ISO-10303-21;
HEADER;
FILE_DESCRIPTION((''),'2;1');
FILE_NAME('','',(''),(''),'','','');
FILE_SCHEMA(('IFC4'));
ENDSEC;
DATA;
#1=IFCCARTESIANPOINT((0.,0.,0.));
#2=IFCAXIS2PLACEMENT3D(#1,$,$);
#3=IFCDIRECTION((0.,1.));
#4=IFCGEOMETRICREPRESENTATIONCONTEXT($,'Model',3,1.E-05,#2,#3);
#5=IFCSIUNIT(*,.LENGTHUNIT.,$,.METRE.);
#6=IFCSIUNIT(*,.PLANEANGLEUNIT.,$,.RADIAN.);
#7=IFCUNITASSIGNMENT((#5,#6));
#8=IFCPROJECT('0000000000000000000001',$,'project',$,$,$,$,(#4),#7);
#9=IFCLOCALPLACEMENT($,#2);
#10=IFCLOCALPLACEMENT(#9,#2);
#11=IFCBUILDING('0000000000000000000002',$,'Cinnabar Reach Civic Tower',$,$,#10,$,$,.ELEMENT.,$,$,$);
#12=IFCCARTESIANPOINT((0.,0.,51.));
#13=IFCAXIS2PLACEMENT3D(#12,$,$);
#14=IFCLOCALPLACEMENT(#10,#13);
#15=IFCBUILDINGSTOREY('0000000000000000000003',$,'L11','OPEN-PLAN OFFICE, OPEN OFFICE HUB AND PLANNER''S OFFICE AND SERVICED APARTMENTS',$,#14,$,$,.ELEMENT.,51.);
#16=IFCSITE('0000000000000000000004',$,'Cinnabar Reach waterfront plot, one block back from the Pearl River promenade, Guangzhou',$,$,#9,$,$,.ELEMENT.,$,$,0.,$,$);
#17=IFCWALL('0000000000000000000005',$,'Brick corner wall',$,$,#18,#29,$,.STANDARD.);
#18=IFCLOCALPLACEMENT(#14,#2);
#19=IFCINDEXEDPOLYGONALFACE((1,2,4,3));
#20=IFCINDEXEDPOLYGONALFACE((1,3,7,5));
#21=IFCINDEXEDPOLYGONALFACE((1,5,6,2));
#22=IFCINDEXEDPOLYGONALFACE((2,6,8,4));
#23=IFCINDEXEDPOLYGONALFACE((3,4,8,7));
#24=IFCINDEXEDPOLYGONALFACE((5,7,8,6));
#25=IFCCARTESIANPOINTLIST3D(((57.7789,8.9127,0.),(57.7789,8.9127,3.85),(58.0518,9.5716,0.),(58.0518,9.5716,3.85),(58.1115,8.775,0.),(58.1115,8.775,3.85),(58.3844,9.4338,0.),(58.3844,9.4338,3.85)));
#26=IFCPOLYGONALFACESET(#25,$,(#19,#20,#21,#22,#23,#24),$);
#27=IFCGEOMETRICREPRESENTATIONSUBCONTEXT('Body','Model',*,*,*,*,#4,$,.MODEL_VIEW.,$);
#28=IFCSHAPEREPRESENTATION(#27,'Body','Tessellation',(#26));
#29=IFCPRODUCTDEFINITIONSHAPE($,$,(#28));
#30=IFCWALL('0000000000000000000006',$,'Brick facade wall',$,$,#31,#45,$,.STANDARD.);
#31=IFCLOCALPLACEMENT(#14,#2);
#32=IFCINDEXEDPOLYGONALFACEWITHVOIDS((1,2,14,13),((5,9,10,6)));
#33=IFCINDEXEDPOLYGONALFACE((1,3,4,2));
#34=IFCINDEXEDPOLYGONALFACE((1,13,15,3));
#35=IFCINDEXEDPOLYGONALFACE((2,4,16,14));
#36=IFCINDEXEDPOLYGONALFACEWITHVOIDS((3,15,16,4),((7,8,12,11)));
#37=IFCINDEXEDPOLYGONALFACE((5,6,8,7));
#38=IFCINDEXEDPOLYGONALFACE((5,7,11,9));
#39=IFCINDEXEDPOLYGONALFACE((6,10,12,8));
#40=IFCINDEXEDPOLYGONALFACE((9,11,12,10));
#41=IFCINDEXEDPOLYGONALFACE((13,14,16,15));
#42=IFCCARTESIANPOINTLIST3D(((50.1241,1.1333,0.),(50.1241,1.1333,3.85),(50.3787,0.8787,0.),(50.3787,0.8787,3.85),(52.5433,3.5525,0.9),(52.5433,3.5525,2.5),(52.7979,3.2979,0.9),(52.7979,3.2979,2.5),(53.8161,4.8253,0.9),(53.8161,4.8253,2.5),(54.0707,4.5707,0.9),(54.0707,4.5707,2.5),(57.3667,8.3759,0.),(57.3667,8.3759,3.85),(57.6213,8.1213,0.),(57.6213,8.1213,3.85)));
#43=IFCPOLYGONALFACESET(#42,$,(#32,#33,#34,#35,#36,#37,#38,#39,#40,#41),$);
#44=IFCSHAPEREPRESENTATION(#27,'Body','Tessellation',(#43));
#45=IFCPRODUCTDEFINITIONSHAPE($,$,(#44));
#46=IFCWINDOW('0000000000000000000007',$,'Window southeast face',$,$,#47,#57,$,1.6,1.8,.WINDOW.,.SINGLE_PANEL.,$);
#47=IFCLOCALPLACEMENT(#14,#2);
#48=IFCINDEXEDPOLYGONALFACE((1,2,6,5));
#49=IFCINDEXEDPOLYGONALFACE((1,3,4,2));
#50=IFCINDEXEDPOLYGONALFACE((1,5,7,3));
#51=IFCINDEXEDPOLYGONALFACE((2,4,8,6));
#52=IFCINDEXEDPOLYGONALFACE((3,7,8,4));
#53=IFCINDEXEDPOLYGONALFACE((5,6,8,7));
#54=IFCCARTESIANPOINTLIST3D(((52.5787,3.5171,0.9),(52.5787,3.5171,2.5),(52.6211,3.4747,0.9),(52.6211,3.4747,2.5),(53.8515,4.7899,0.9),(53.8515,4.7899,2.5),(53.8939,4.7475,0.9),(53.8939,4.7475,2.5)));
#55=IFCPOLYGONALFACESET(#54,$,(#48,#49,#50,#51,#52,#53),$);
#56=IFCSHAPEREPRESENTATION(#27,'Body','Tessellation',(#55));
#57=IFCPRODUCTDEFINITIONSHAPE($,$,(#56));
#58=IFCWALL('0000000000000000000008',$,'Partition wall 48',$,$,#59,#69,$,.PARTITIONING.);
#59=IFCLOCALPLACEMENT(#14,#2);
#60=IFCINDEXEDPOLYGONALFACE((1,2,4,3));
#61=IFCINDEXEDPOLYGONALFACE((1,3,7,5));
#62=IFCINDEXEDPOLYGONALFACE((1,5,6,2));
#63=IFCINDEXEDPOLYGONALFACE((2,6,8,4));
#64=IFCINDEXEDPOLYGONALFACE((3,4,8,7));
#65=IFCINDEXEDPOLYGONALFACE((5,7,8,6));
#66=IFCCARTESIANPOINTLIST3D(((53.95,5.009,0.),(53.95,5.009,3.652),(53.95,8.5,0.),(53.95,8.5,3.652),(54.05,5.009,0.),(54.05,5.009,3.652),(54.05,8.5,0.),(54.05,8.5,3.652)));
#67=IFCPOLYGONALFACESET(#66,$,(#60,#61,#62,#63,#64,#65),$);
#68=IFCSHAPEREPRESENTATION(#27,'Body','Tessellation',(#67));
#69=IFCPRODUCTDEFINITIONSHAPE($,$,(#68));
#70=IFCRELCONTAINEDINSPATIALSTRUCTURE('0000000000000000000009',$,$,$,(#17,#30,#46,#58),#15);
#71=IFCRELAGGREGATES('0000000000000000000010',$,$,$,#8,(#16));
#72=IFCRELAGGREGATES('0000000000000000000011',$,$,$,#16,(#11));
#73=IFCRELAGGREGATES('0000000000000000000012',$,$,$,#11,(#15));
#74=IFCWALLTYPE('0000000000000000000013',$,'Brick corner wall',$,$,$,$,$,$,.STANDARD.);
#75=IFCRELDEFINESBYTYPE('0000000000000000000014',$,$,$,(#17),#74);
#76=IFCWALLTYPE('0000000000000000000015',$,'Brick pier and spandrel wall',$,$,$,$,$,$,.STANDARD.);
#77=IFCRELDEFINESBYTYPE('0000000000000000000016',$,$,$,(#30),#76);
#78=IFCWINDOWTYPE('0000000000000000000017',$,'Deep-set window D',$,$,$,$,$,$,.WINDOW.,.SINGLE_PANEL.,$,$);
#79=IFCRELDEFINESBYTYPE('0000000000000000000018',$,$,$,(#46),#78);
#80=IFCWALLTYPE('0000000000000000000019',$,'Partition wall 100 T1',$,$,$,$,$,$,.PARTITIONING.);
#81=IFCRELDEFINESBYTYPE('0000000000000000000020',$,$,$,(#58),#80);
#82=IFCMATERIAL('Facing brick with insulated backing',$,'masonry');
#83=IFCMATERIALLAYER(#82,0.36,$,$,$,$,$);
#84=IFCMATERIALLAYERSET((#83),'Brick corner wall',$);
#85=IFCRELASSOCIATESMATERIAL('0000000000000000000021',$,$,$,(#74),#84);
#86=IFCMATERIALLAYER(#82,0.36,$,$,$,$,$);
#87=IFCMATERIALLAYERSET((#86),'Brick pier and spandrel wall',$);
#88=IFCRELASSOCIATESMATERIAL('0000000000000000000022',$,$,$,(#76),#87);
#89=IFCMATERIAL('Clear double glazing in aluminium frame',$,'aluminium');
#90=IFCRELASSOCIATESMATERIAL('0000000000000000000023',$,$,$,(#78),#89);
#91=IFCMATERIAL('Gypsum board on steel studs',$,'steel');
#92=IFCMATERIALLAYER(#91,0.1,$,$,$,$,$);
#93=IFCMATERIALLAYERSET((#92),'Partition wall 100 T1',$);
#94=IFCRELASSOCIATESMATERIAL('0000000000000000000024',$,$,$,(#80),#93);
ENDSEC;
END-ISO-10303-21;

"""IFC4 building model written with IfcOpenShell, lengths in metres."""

from ifc_helpers import new_model, si_unit, direction, frame, frame_2d, origin, place, context, subcontext, project, spatial, rectangle, extrude, material, layer, layer_set, type_object, element, fill, save


model = new_model("IFC4")

# Units and contexts
model_context = context("Model", 3, precision=1e-05, world=origin(), true_north=direction((0.0, 1.0)))
body_context = subcontext(model_context, "Body", "Model", "MODEL_VIEW")
ifc_project = project(units=[si_unit("LENGTHUNIT", "METRE"), si_unit("PLANEANGLEUNIT", "RADIAN")], contexts=[model_context])

# Site, building, storey
site_placement = place(None, origin())
site = spatial("IfcSite", under=ifc_project, at=site_placement, Name="Cinnabar Reach waterfront plot, one block back from the Pearl River promenade, Guangzhou", CompositionType="ELEMENT", RefElevation=0.0)
building_placement = place(site_placement, origin())
building = spatial("IfcBuilding", under=site, at=building_placement, Name="Cinnabar Reach Civic Tower", CompositionType="ELEMENT")
storey_placement = place(building_placement, frame((0.0, 0.0, 51.0)))
storey = spatial("IfcBuildingStorey", under=building, at=storey_placement, Name="L11", Description="OPEN-PLAN OFFICE, OPEN OFFICE HUB AND PLANNER'S OFFICE AND SERVICED APARTMENTS", CompositionType="ELEMENT", Elevation=51.0)

# Wall
ifc_material_1 = material(Name="Facing brick with insulated backing", Category="masonry")
ifc_layer_1 = layer(ifc_material_1, 0.36)
ifc_layer_set_1 = layer_set([ifc_layer_1], Name="Brick corner wall")
wall_type_1 = type_object("IfcWallType", Name="Brick corner wall", PredefinedType="STANDARD", material=ifc_layer_set_1)
wall_1_placement = place(storey_placement, frame((57.9452, 8.8439, 0.0), z_axis=(0.0, 0.0, 1.0), x_axis=(0.382703, 0.923872, 0.0)))
element("IfcWall", 1, at=wall_1_placement, inside=storey, type_object=wall_type_1, Name="Brick corner wall", PredefinedType="STANDARD", context=body_context, shape_type="SweptSolid", body=[
    extrude(rectangle(XDim=0.7131, YDim=0.36, at=frame_2d((0.3565, 0.0))), origin(), (0.0, 0.0, 1.0), 3.85),
])

# Wall, opening, window
ifc_layer_2 = layer(ifc_material_1, 0.36)
ifc_layer_set_2 = layer_set([ifc_layer_2], Name="Brick pier and spandrel wall")
wall_type_2 = type_object("IfcWallType", Name="Brick pier and spandrel wall", PredefinedType="STANDARD", material=ifc_layer_set_2)
wall_2_placement = place(storey_placement, frame((50.2514, 1.006, 0.0), z_axis=(0.0, 0.0, 1.0), x_axis=(0.707107, 0.707107, 0.0)))
wall_2 = element("IfcWall", 2, at=wall_2_placement, inside=storey, type_object=wall_type_2, Name="Brick facade wall", PredefinedType="STANDARD", context=body_context, shape_type="SweptSolid", body=[
    extrude(rectangle(XDim=10.2426, YDim=0.36, at=frame_2d((5.1213, 0.0))), origin(), (0.0, 0.0, 1.0), 3.85),
])
opening_placement = place(wall_2_placement, frame((3.4213, 0.0, 0.9)))
opening = element("IfcOpeningElement", 3, at=opening_placement, cuts=wall_2, PredefinedType="OPENING", context=body_context, shape_type="SweptSolid", body=[
    extrude(rectangle(XDim=1.8, YDim=1.6, at=frame_2d((0.9, 0.8))), frame((0.0, 0.19, 0.0), z_axis=(0.0, -1.0, 0.0), x_axis=(1.0, 0.0, 0.0)), (0.0, 0.0, 1.0), 0.38),
])
ifc_material_2 = material(Name="Clear double glazing in aluminium frame", Category="aluminium")
window_type = type_object("IfcWindowType", Name="Deep-set window D", PartitioningType="SINGLE_PANEL", PredefinedType="WINDOW", material=ifc_material_2)
window_placement = place(opening_placement, origin())
window = element("IfcWindow", 4, at=window_placement, inside=storey, type_object=window_type, Name="Window southeast face", OverallHeight=1.6, OverallWidth=1.8, PartitioningType="SINGLE_PANEL", PredefinedType="WINDOW", context=body_context, shape_type="SweptSolid", body=[
    extrude(rectangle(XDim=1.8, YDim=1.6, at=frame_2d((0.9, 0.8))), frame((0.0, 0.13, 0.0), z_axis=(0.0, -1.0, 0.0), x_axis=(1.0, 0.0, 0.0)), (0.0, 0.0, 1.0), 0.06),
])
fill(opening, window)

# Wall
ifc_material_3 = material(Name="Gypsum board on steel studs", Category="steel")
ifc_layer_3 = layer(ifc_material_3, 0.1)
ifc_layer_set_3 = layer_set([ifc_layer_3], Name="Partition wall 100 T1")
wall_type_3 = type_object("IfcWallType", Name="Partition wall 100 T1", PredefinedType="PARTITIONING", material=ifc_layer_set_3)
wall_3_placement = place(storey_placement, frame((54.0, 5.0091, 0.0), z_axis=(0.0, 0.0, 1.0), x_axis=(0.0, 1.0, 0.0)))
element("IfcWall", 5, at=wall_3_placement, inside=storey, type_object=wall_type_3, Name="Partition wall 48", PredefinedType="PARTITIONING", context=body_context, shape_type="SweptSolid", body=[
    extrude(rectangle(XDim=3.4909, YDim=0.1, at=frame_2d((1.7454, 0.0))), origin(), (0.0, 0.0, 1.0), 3.652),
])

save(model, "model.ifc")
....................
• **Your assignment**
Output exactly the lines of the material above from the one containing "#44=IFCSHAPEREPRESENTATION(#27,'Body','Tessellation',(#43));" up to and including the one containing "#53=IFCINDEXEDPOLYGONALFACE((5,6,8,7));".

• **Problem solution**
#44=IFCSHAPEREPRESENTATION(#27,'Body','Tessellation',(#43));
#45=IFCPRODUCTDEFINITIONSHAPE($,$,(#44));
#46=IFCWINDOW('0000000000000000000007',$,'Window southeast face',$,$,#47,#57,$,1.6,1.8,.WINDOW.,.SINGLE_PANEL.,$);
#47=IFCLOCALPLACEMENT(#14,#2);
#48=IFCINDEXEDPOLYGONALFACE((1,2,6,5));
#49=IFCINDEXEDPOLYGONALFACE((1,3,4,2));
#50=IFCINDEXEDPOLYGONALFACE((1,5,7,3));
#51=IFCINDEXEDPOLYGONALFACE((2,4,8,6));
#52=IFCINDEXEDPOLYGONALFACE((3,7,8,4));
#53=IFCINDEXEDPOLYGONALFACE((5,6,8,7));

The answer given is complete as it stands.